- PROBLEM DETAILS: The word "IFCRELAGGREGATES" occurs in some lines of the listing. Copy those lines.

- EXERCISE INPUTS:

****************

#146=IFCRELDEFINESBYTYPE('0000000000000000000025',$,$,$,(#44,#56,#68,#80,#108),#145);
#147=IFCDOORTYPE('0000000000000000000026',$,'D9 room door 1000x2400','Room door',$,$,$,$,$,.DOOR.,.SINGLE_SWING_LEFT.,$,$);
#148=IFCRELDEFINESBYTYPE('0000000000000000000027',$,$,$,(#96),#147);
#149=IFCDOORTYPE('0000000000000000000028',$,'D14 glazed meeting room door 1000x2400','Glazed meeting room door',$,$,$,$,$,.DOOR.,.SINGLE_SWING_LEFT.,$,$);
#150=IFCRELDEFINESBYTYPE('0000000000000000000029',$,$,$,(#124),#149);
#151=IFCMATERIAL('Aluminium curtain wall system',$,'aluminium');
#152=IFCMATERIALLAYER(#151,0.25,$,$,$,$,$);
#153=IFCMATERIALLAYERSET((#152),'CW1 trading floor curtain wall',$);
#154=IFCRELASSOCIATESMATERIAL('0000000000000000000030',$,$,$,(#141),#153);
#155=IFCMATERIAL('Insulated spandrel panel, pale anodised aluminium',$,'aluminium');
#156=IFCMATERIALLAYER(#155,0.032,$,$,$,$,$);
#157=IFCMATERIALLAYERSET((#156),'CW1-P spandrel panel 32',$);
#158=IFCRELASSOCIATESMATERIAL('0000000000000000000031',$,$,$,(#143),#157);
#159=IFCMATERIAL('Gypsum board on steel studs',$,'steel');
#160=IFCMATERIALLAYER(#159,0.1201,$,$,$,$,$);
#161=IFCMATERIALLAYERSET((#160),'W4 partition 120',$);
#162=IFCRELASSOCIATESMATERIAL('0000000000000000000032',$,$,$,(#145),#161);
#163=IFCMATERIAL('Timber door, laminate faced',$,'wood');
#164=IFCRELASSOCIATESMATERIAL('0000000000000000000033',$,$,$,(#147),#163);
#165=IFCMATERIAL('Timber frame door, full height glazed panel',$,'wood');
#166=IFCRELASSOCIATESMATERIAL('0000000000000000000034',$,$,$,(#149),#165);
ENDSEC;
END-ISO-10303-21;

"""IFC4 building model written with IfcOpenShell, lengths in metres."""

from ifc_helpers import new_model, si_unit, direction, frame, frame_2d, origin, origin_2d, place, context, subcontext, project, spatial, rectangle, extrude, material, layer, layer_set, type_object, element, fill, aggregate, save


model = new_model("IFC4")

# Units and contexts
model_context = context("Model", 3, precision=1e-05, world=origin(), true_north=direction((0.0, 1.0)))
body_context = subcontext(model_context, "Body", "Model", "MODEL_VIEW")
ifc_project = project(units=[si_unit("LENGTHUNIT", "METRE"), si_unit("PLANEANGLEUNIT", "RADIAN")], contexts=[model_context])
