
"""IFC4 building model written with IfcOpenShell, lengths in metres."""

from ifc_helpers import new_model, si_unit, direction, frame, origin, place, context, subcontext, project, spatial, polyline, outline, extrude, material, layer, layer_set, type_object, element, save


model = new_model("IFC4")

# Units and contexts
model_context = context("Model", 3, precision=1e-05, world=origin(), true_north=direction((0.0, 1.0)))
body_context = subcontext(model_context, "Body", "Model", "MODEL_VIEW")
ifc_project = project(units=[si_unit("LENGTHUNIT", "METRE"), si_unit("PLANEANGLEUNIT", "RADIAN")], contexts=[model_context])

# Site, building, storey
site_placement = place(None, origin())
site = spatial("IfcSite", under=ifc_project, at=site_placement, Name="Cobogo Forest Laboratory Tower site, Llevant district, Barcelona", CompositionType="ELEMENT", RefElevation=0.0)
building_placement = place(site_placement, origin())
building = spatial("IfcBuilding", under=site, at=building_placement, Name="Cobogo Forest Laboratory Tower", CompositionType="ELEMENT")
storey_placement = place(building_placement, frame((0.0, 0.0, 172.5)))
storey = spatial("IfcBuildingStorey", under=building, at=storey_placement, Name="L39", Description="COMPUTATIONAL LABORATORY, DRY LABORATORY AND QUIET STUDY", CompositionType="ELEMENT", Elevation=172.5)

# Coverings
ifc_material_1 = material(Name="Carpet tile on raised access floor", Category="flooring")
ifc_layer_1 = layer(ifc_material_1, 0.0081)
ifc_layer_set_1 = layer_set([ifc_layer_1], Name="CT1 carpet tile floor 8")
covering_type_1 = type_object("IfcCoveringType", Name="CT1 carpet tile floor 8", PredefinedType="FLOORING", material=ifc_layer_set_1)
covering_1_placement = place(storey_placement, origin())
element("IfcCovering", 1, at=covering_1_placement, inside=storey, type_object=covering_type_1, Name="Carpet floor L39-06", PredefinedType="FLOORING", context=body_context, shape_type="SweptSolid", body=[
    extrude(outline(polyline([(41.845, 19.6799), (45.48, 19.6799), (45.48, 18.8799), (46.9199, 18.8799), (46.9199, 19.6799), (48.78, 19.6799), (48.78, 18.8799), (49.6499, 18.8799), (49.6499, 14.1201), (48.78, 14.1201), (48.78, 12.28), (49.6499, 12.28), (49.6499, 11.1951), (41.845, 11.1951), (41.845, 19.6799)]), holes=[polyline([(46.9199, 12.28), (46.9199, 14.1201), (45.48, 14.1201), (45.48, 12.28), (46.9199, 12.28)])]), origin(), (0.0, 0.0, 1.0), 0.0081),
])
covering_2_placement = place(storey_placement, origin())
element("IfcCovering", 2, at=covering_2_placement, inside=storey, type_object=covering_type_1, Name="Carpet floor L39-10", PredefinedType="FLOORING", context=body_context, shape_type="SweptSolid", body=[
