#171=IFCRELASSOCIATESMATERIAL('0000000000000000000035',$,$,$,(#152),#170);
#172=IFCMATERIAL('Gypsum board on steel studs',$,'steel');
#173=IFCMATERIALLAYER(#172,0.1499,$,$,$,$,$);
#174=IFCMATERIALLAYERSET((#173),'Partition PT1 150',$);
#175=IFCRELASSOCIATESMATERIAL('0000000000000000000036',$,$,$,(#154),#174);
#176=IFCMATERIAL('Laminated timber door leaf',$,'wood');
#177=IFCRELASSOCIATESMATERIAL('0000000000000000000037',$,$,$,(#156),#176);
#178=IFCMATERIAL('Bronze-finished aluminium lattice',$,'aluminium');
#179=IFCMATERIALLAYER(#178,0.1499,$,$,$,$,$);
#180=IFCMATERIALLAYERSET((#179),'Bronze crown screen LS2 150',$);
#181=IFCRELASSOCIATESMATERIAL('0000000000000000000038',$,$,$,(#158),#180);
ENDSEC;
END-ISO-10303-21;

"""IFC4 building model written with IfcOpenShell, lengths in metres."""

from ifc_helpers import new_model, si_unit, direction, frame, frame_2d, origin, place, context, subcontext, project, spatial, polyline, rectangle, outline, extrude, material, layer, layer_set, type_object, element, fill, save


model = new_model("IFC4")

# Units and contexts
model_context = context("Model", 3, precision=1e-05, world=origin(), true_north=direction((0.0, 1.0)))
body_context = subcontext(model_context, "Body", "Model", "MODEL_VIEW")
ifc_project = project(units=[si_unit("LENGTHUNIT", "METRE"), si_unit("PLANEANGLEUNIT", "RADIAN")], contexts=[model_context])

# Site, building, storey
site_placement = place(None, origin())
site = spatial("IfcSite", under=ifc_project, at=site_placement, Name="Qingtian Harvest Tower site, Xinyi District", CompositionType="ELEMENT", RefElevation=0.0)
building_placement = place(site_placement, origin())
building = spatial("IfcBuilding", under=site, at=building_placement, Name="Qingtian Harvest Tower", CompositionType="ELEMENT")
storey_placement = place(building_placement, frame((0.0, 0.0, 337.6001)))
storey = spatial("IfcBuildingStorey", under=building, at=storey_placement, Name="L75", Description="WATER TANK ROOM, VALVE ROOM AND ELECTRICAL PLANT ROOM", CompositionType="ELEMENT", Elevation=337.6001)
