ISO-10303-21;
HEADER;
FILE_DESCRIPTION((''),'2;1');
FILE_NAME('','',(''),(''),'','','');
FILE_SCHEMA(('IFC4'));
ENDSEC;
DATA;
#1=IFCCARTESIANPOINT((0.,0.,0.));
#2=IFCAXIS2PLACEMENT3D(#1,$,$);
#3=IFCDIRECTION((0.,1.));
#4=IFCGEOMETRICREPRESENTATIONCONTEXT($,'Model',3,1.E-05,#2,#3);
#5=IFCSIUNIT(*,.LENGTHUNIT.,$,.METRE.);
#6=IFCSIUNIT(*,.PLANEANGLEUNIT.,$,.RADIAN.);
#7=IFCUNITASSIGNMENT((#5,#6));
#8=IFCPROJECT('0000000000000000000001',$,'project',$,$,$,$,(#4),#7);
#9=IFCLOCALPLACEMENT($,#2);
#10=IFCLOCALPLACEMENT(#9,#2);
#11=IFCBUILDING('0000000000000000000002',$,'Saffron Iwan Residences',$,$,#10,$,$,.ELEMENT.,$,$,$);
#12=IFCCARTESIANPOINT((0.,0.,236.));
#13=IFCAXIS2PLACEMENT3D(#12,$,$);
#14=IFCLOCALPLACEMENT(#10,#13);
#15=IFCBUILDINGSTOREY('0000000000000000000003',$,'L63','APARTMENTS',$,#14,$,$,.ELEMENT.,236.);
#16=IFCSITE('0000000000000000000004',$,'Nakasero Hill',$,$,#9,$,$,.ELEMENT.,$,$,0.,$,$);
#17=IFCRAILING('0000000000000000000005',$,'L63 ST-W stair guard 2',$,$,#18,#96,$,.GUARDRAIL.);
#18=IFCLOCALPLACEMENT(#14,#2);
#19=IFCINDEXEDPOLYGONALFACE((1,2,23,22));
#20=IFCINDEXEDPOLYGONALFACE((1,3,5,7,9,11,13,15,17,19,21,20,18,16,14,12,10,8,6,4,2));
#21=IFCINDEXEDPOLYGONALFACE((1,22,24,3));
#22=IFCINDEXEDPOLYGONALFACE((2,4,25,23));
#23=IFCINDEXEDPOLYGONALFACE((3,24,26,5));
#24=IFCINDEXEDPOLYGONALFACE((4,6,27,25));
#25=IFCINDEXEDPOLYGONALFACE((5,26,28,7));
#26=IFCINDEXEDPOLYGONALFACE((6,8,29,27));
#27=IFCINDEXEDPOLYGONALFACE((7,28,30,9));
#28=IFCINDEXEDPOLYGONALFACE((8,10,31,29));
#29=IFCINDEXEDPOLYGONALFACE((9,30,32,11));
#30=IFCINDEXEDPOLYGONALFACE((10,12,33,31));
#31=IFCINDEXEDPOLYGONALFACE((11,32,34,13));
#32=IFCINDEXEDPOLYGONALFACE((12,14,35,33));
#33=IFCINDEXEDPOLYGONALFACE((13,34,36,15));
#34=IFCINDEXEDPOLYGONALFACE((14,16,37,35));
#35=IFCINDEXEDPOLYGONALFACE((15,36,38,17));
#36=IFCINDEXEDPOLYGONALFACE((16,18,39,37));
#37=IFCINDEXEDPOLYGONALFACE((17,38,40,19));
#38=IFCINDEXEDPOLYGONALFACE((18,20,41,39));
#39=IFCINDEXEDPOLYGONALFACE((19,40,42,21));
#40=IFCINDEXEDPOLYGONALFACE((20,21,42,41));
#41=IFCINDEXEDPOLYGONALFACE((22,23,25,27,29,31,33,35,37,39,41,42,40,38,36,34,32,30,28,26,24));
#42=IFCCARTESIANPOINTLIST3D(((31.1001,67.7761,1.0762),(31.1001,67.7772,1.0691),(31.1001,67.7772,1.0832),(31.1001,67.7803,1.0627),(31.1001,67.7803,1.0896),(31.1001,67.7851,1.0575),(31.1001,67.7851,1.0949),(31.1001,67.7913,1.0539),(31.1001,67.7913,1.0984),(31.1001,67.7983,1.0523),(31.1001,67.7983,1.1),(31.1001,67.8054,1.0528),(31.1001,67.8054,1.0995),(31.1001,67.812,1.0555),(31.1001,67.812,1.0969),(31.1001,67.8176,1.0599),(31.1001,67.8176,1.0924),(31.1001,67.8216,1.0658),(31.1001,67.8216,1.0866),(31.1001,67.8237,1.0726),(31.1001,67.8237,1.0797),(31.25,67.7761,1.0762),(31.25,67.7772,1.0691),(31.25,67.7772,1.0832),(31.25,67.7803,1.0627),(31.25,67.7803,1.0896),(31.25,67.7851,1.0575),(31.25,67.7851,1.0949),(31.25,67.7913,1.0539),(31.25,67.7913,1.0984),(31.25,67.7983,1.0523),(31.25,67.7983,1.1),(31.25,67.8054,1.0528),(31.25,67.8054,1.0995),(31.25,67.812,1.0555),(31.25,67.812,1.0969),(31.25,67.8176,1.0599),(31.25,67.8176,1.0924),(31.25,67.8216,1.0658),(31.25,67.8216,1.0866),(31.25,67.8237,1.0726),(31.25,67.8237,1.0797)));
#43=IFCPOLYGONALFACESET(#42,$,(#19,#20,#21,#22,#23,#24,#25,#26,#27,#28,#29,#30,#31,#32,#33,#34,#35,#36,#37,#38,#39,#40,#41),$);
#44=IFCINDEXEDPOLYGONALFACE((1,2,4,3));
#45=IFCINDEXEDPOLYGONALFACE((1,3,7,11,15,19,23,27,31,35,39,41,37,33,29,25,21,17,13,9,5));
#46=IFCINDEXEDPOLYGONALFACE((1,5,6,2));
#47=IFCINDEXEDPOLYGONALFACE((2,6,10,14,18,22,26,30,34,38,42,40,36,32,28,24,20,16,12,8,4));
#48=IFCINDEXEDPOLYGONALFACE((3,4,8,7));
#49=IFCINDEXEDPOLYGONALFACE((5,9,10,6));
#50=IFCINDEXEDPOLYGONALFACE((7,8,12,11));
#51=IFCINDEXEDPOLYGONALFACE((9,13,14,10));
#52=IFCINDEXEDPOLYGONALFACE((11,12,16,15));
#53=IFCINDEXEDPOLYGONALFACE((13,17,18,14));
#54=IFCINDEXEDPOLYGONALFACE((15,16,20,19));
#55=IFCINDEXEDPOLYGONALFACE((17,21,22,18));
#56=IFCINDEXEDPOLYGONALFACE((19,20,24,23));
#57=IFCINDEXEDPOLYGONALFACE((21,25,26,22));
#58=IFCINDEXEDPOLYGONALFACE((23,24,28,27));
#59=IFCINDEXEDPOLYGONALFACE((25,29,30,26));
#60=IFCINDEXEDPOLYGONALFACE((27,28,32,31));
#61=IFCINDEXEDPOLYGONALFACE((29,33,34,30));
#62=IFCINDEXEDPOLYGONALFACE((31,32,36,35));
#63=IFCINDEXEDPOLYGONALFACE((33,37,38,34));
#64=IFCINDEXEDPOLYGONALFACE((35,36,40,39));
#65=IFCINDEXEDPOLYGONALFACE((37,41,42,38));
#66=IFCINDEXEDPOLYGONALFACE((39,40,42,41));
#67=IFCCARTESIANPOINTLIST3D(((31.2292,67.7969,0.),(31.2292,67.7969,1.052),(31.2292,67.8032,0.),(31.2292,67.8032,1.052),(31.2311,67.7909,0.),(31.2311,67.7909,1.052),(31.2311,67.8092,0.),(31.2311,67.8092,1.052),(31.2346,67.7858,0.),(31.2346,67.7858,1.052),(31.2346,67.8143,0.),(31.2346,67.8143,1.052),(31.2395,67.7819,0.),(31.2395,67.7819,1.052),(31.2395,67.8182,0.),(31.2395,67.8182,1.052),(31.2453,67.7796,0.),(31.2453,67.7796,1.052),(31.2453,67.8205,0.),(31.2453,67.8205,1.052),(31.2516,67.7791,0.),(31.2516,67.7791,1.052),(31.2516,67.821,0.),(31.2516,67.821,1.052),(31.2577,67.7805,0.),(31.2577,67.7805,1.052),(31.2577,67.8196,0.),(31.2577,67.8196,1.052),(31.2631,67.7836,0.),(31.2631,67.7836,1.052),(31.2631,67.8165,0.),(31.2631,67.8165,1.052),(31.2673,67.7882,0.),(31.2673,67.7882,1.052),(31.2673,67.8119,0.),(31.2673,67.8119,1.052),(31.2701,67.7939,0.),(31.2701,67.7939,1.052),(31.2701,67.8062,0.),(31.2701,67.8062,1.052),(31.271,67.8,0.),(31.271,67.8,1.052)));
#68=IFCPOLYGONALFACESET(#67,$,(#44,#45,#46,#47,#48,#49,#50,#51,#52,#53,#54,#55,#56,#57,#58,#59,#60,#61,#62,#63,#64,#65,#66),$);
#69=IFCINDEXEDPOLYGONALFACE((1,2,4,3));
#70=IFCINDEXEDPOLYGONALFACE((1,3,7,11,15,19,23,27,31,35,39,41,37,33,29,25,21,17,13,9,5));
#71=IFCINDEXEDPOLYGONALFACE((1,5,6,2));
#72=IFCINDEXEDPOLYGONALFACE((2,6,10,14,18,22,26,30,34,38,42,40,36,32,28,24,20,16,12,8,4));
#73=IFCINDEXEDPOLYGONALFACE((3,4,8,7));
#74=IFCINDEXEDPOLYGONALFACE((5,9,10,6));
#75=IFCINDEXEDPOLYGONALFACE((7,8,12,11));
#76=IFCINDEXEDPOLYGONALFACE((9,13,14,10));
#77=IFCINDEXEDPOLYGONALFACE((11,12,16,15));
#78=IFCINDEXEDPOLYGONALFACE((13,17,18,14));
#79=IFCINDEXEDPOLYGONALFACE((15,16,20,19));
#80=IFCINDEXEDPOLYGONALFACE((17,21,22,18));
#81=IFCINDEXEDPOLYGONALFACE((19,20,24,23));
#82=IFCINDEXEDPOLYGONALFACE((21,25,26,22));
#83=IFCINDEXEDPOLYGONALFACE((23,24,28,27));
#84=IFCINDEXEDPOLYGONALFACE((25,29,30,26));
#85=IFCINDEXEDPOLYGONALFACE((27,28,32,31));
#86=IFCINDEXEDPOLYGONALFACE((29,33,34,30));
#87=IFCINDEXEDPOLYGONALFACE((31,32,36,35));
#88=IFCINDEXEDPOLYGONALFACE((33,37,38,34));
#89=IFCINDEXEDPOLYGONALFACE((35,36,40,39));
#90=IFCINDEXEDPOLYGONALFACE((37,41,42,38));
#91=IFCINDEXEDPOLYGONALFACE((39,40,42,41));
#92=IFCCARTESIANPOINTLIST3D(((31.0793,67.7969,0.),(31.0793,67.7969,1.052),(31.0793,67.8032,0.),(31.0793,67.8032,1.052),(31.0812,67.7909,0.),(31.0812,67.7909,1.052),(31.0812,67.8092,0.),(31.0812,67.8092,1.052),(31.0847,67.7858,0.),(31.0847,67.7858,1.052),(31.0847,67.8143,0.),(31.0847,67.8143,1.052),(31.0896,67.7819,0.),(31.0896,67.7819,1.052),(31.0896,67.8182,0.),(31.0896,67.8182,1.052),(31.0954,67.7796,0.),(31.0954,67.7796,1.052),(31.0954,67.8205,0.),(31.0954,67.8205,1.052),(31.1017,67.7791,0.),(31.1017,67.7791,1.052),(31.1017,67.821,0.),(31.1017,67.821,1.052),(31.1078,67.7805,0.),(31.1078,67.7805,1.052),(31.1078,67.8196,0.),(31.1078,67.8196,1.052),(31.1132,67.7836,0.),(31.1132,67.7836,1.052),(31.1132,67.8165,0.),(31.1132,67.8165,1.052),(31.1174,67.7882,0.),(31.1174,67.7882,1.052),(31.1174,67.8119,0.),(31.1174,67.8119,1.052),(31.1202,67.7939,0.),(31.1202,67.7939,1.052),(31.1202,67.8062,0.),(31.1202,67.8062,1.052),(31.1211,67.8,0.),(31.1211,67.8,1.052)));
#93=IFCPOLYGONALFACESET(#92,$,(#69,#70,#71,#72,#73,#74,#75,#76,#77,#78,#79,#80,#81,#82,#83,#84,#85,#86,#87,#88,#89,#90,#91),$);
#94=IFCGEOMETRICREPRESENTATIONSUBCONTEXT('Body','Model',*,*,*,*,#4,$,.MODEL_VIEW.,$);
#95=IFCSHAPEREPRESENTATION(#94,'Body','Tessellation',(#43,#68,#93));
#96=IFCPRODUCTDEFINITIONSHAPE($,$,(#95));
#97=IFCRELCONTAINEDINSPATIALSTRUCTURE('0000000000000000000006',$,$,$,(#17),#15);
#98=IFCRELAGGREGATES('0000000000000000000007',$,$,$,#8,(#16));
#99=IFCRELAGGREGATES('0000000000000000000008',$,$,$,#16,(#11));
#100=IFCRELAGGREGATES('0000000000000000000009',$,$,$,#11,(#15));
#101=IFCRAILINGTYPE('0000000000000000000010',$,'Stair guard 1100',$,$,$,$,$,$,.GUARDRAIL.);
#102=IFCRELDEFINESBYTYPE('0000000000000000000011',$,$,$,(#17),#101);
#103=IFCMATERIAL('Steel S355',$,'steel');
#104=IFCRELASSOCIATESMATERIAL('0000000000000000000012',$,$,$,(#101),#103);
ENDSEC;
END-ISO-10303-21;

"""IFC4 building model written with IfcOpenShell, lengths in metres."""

from ifc_helpers import new_model, si_unit, direction, frame, origin, origin_2d, place, context, subcontext, project, spatial, circle, extrude, material, type_object, element, save


model = new_model("IFC4")

# Units and contexts
model_context = context("Model", 3, precision=1e-05, world=origin(), true_north=direction((0.0, 1.0)))
body_context = subcontext(model_context, "Body", "Model", "MODEL_VIEW")
ifc_project = project(units=[si_unit("LENGTHUNIT", "METRE"), si_unit("PLANEANGLEUNIT", "RADIAN")], contexts=[model_context])

# Site, building, storey
site_placement = place(None, origin())
site = spatial("IfcSite", under=ifc_project, at=site_placement, Name="Nakasero Hill", CompositionType="ELEMENT", RefElevation=0.0)
building_placement = place(site_placement, origin())
building = spatial("IfcBuilding", under=site, at=building_placement, Name="Saffron Iwan Residences", CompositionType="ELEMENT")
storey_placement = place(building_placement, frame((0.0, 0.0, 236.0)))
storey = spatial("IfcBuildingStorey", under=building, at=storey_placement, Name="L63", Description="APARTMENTS", CompositionType="ELEMENT", Elevation=236.0)

# Railing
ifc_material_1 = material(Name="Steel S355", Category="steel")
railing_type_1 = type_object("IfcRailingType", Name="Stair guard 1100", PredefinedType="GUARDRAIL", material=ifc_material_1)
railing_1_placement = place(storey_placement, frame((31.25, 67.8, 0.0)))
element("IfcRailing", 1, at=railing_1_placement, inside=storey, type_object=railing_type_1, Name="L63 ST-W stair guard 2", PredefinedType="GUARDRAIL", context=body_context, shape_type="SweptSolid", body=[
    extrude(circle(Radius=0.0239, at=origin_2d()), frame((0.0, 0.0, 1.0762), z_axis=(-1.0, 0.0, 0.0), x_axis=(0.0, -1.0, 0.0)), (0.0, 0.0, 1.0), 0.1499),
    extrude(circle(Radius=0.021, at=origin_2d()), origin(), (0.0, 0.0, 1.0), 1.052),
    extrude(circle(Radius=0.021, at=origin_2d()), frame((-0.1499, 0.0, 0.0)), (0.0, 0.0, 1.0), 1.052),
])

save(model, "model.ifc")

****************

- SOLVED EXERCISE:
#98=IFCRELAGGREGATES('0000000000000000000007',$,$,$,#8,(#16));
#99=IFCRELAGGREGATES('0000000000000000000008',$,$,$,#16,(#11));
#100=IFCRELAGGREGATES('0000000000000000000009',$,$,$,#11,(#15));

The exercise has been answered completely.